Search the listing below for the line containing "#28=IFCINDEXEDPOLYGONALFACE((13,14,16,15));". From there through the line containing "#40=IFCINDEXEDPOLYGONALFACE((37,39,40,38));", transcribe every line exactly, both ends included.
::: SUPPLIED MATERIAL
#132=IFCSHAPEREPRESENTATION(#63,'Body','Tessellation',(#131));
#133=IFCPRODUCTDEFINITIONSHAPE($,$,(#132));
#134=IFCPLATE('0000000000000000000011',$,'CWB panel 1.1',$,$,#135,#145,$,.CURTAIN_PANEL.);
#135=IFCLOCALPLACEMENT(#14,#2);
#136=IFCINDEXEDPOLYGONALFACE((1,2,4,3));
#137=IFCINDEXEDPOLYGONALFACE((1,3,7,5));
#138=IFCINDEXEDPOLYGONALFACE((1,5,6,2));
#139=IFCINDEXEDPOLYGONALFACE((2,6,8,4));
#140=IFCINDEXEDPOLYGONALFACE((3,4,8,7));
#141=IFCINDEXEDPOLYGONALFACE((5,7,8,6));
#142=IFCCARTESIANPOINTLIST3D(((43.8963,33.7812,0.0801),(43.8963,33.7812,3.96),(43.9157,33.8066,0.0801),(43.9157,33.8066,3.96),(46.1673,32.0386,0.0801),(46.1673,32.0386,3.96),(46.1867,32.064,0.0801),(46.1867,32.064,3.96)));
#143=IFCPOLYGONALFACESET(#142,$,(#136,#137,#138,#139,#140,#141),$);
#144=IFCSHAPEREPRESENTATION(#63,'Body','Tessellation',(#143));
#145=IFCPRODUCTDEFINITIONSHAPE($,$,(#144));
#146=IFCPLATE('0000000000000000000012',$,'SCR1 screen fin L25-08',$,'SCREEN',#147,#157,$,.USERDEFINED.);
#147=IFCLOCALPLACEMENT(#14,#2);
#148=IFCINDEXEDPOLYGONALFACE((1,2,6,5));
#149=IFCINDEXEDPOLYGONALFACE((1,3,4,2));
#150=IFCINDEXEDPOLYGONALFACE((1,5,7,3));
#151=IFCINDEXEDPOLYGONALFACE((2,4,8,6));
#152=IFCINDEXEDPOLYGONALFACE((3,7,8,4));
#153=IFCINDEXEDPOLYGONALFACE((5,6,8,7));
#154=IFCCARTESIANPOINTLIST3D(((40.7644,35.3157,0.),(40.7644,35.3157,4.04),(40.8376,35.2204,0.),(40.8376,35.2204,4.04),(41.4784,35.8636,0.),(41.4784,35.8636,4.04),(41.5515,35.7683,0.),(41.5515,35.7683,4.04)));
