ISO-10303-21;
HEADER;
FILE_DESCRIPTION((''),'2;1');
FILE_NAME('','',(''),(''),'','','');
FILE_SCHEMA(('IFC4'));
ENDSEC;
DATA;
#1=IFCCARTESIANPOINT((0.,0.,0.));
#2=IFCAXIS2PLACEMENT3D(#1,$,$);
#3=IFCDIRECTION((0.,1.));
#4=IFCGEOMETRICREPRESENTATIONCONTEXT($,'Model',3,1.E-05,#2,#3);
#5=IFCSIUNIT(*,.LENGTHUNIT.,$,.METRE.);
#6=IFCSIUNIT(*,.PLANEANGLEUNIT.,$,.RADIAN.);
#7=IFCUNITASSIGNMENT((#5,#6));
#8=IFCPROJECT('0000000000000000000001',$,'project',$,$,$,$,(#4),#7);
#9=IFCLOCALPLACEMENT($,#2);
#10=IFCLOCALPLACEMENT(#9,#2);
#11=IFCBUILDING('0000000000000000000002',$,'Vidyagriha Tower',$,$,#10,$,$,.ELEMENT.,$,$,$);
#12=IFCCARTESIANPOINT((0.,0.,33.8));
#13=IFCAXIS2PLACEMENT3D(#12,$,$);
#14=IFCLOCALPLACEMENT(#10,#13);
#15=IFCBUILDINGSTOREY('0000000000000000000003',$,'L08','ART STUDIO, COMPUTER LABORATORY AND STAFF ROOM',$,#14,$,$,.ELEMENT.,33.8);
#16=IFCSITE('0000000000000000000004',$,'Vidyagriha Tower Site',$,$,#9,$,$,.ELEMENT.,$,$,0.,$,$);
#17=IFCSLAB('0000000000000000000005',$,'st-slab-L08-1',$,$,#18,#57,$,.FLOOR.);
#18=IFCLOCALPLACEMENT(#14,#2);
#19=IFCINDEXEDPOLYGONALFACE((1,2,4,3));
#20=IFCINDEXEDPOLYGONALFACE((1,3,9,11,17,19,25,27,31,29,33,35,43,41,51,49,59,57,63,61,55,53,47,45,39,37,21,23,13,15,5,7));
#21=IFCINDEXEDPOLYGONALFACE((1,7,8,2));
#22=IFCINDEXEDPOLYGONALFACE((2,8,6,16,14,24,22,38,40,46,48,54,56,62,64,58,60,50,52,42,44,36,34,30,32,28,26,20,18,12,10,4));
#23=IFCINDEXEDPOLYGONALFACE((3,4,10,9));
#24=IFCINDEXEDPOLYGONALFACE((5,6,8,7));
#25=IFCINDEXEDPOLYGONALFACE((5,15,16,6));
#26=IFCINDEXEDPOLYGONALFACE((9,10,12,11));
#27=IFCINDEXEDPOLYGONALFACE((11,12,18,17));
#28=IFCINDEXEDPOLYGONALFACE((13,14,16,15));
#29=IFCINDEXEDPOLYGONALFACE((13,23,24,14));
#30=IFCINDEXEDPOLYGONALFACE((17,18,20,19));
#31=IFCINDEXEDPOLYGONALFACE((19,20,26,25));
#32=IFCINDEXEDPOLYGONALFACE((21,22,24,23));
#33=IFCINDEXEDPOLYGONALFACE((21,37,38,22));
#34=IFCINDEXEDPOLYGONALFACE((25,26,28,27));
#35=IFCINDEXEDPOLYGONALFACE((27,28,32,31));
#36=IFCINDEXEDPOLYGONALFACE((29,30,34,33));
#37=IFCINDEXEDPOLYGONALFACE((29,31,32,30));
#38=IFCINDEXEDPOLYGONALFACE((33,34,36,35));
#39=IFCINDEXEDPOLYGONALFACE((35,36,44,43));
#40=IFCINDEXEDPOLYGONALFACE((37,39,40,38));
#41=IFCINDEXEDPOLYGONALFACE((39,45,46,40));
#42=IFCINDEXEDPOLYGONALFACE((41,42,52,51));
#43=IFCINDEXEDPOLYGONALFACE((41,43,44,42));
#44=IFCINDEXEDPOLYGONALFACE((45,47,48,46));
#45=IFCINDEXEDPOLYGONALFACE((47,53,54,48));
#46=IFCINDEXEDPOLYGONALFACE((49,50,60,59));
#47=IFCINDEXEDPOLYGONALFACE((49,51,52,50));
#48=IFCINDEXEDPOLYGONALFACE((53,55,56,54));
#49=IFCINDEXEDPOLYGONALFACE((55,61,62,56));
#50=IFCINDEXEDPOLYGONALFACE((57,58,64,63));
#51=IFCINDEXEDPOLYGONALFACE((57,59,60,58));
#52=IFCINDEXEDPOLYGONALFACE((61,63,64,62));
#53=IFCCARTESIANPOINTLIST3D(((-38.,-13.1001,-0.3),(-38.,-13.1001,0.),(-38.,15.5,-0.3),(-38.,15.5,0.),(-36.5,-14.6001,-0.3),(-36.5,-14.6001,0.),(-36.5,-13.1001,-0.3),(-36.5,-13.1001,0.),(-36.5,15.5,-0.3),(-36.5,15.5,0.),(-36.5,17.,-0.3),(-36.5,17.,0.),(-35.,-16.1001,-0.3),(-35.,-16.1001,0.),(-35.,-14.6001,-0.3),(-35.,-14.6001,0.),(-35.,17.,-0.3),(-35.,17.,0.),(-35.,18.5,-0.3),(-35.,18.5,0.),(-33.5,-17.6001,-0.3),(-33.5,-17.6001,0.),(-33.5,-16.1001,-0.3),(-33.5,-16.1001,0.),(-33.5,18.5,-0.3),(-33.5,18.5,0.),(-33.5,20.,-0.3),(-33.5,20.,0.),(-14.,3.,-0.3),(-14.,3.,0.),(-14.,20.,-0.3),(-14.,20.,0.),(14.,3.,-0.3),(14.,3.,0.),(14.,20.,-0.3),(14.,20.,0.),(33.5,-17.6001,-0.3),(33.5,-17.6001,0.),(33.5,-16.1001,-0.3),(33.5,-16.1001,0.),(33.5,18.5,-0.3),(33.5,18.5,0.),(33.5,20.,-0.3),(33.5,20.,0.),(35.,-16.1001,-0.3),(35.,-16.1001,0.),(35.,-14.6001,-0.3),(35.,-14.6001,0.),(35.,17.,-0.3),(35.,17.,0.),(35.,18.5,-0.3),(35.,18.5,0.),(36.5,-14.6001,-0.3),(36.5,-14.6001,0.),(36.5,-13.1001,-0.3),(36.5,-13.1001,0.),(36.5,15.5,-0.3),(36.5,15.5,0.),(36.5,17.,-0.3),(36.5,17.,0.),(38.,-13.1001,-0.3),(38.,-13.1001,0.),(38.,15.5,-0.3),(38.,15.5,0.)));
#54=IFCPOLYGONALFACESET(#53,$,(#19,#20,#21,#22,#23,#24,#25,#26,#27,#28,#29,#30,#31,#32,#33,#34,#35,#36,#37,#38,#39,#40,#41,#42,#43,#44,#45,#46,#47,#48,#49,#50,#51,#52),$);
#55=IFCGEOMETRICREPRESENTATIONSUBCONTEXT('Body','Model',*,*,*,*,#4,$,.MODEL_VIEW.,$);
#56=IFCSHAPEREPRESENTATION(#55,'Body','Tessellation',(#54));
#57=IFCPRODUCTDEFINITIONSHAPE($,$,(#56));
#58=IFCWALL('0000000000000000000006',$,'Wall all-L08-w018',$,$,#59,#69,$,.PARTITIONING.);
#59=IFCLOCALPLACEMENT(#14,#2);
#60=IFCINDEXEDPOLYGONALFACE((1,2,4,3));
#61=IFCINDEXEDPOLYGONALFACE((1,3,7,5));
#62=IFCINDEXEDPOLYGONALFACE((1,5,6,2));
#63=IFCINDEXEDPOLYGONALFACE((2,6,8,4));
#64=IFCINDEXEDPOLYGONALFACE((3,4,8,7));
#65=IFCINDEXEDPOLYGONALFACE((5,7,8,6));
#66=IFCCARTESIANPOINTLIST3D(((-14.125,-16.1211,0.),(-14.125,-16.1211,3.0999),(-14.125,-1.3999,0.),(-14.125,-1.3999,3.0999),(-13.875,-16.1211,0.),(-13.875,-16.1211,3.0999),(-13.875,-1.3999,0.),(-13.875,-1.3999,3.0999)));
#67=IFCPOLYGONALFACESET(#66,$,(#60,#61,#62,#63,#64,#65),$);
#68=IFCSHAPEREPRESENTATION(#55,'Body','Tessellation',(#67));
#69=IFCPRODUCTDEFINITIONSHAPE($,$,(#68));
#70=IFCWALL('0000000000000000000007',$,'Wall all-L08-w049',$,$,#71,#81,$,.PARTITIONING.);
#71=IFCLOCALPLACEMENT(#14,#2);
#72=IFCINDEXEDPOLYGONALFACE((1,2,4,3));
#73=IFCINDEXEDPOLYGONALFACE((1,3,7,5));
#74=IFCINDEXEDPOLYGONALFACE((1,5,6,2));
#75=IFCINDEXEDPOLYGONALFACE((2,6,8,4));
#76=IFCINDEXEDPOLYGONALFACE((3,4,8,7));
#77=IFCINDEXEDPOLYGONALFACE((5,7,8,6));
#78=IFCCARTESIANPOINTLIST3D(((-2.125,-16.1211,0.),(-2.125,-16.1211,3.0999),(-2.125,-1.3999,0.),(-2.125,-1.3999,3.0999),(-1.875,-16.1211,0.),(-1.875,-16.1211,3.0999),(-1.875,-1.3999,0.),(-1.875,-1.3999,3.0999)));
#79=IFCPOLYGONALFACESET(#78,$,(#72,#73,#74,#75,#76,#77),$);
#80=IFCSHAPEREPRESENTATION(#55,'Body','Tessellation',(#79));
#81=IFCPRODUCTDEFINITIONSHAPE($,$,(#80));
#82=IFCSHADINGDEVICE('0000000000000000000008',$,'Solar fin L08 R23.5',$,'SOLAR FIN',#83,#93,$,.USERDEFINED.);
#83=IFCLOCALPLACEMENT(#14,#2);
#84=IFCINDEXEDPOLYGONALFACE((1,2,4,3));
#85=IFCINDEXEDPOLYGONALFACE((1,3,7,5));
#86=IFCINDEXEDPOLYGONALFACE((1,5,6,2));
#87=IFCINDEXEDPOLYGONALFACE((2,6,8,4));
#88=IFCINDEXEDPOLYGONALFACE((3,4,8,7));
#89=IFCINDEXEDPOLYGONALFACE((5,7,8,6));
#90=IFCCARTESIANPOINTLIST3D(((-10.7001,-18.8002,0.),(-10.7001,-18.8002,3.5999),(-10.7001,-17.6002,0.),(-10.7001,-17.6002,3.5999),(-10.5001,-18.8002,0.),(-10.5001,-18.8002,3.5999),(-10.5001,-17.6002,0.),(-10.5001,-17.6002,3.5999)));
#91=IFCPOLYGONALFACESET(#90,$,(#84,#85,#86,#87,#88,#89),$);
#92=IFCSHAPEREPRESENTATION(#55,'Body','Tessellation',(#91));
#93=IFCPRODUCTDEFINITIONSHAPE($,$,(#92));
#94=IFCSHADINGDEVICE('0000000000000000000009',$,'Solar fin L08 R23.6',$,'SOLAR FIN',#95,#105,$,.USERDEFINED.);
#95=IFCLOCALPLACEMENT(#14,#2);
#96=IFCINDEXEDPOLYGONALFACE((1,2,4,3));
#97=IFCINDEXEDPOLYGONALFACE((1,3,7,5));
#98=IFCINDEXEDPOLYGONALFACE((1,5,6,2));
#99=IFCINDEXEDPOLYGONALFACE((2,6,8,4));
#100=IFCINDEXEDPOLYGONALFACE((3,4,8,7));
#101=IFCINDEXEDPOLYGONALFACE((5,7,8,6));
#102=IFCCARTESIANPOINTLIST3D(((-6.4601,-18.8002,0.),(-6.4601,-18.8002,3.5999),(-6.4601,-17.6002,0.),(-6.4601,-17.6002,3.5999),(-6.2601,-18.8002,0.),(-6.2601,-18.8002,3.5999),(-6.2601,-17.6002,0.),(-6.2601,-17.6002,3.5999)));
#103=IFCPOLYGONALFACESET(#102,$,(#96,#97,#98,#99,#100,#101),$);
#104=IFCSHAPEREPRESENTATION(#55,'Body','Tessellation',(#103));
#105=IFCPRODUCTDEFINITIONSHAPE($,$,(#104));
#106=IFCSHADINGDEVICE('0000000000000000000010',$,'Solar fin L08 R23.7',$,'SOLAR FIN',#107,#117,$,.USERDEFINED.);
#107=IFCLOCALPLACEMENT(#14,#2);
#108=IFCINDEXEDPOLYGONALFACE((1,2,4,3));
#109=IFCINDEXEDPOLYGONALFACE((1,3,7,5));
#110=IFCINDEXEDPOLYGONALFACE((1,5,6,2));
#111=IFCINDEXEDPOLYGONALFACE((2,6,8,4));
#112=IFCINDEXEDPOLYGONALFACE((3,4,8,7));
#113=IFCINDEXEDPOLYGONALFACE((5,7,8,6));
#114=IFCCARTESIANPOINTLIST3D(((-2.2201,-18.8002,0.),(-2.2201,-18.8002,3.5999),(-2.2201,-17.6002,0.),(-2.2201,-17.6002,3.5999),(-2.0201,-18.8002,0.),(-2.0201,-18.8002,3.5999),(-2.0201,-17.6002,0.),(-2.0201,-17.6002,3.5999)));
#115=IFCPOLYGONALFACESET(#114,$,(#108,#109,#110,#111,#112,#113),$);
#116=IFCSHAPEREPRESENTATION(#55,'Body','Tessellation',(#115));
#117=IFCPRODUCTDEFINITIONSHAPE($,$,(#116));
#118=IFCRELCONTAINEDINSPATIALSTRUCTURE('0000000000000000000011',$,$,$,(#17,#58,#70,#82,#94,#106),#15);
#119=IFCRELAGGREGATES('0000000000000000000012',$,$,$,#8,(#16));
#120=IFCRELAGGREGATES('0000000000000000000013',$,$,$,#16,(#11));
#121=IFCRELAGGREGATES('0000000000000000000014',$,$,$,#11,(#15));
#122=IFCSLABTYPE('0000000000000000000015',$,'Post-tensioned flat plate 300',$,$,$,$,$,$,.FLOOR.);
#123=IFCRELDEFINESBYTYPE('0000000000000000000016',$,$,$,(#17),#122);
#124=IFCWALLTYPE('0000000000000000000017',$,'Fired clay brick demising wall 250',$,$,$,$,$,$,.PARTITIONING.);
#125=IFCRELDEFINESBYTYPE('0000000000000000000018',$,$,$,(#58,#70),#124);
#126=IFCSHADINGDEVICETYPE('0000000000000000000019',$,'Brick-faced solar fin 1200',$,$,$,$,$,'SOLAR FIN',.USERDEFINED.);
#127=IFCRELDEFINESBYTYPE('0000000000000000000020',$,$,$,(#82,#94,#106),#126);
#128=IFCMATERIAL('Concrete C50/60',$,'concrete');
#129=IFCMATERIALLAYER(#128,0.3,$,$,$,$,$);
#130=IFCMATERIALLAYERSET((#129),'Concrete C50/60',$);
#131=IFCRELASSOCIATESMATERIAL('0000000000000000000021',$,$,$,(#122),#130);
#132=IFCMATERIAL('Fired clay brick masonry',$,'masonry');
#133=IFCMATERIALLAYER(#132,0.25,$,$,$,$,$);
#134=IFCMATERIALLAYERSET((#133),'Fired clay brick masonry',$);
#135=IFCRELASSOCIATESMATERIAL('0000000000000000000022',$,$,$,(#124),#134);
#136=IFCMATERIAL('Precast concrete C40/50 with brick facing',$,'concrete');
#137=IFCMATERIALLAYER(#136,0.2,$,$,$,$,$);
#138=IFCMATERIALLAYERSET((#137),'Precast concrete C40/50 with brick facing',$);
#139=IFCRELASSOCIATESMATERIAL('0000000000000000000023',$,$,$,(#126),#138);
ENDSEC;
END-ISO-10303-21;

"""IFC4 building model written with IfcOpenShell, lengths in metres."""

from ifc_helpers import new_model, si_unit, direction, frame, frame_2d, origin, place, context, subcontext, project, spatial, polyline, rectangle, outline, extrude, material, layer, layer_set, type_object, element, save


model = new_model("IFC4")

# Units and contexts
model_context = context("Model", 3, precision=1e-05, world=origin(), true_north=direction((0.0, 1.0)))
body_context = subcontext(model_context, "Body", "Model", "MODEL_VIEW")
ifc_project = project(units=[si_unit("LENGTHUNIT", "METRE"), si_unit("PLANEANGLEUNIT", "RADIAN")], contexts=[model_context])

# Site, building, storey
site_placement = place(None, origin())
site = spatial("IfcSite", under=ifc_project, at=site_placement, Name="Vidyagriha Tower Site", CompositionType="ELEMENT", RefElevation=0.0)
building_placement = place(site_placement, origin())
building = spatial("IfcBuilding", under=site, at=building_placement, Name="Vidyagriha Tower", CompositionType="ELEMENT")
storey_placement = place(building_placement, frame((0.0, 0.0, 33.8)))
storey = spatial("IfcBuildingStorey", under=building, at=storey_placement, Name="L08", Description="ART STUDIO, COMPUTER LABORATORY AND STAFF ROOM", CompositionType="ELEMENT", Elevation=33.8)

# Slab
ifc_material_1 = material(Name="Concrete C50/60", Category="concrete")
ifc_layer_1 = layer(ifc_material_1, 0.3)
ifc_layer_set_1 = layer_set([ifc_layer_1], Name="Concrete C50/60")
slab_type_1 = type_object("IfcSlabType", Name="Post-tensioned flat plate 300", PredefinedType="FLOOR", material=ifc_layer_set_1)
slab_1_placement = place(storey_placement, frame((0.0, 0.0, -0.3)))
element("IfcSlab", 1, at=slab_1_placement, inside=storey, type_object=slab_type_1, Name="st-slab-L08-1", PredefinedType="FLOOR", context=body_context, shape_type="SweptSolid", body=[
::::::
[ANSWER TO THIS TASK]
#28=IFCINDEXEDPOLYGONALFACE((13,14,16,15));
#29=IFCINDEXEDPOLYGONALFACE((13,23,24,14));
#30=IFCINDEXEDPOLYGONALFACE((17,18,20,19));
#31=IFCINDEXEDPOLYGONALFACE((19,20,26,25));
#32=IFCINDEXEDPOLYGONALFACE((21,22,24,23));
#33=IFCINDEXEDPOLYGONALFACE((21,37,38,22));
#34=IFCINDEXEDPOLYGONALFACE((25,26,28,27));
#35=IFCINDEXEDPOLYGONALFACE((27,28,32,31));
#36=IFCINDEXEDPOLYGONALFACE((29,30,34,33));
#37=IFCINDEXEDPOLYGONALFACE((29,31,32,30));
#38=IFCINDEXEDPOLYGONALFACE((33,34,36,35));
#39=IFCINDEXEDPOLYGONALFACE((35,36,44,43));
#40=IFCINDEXEDPOLYGONALFACE((37,39,40,38));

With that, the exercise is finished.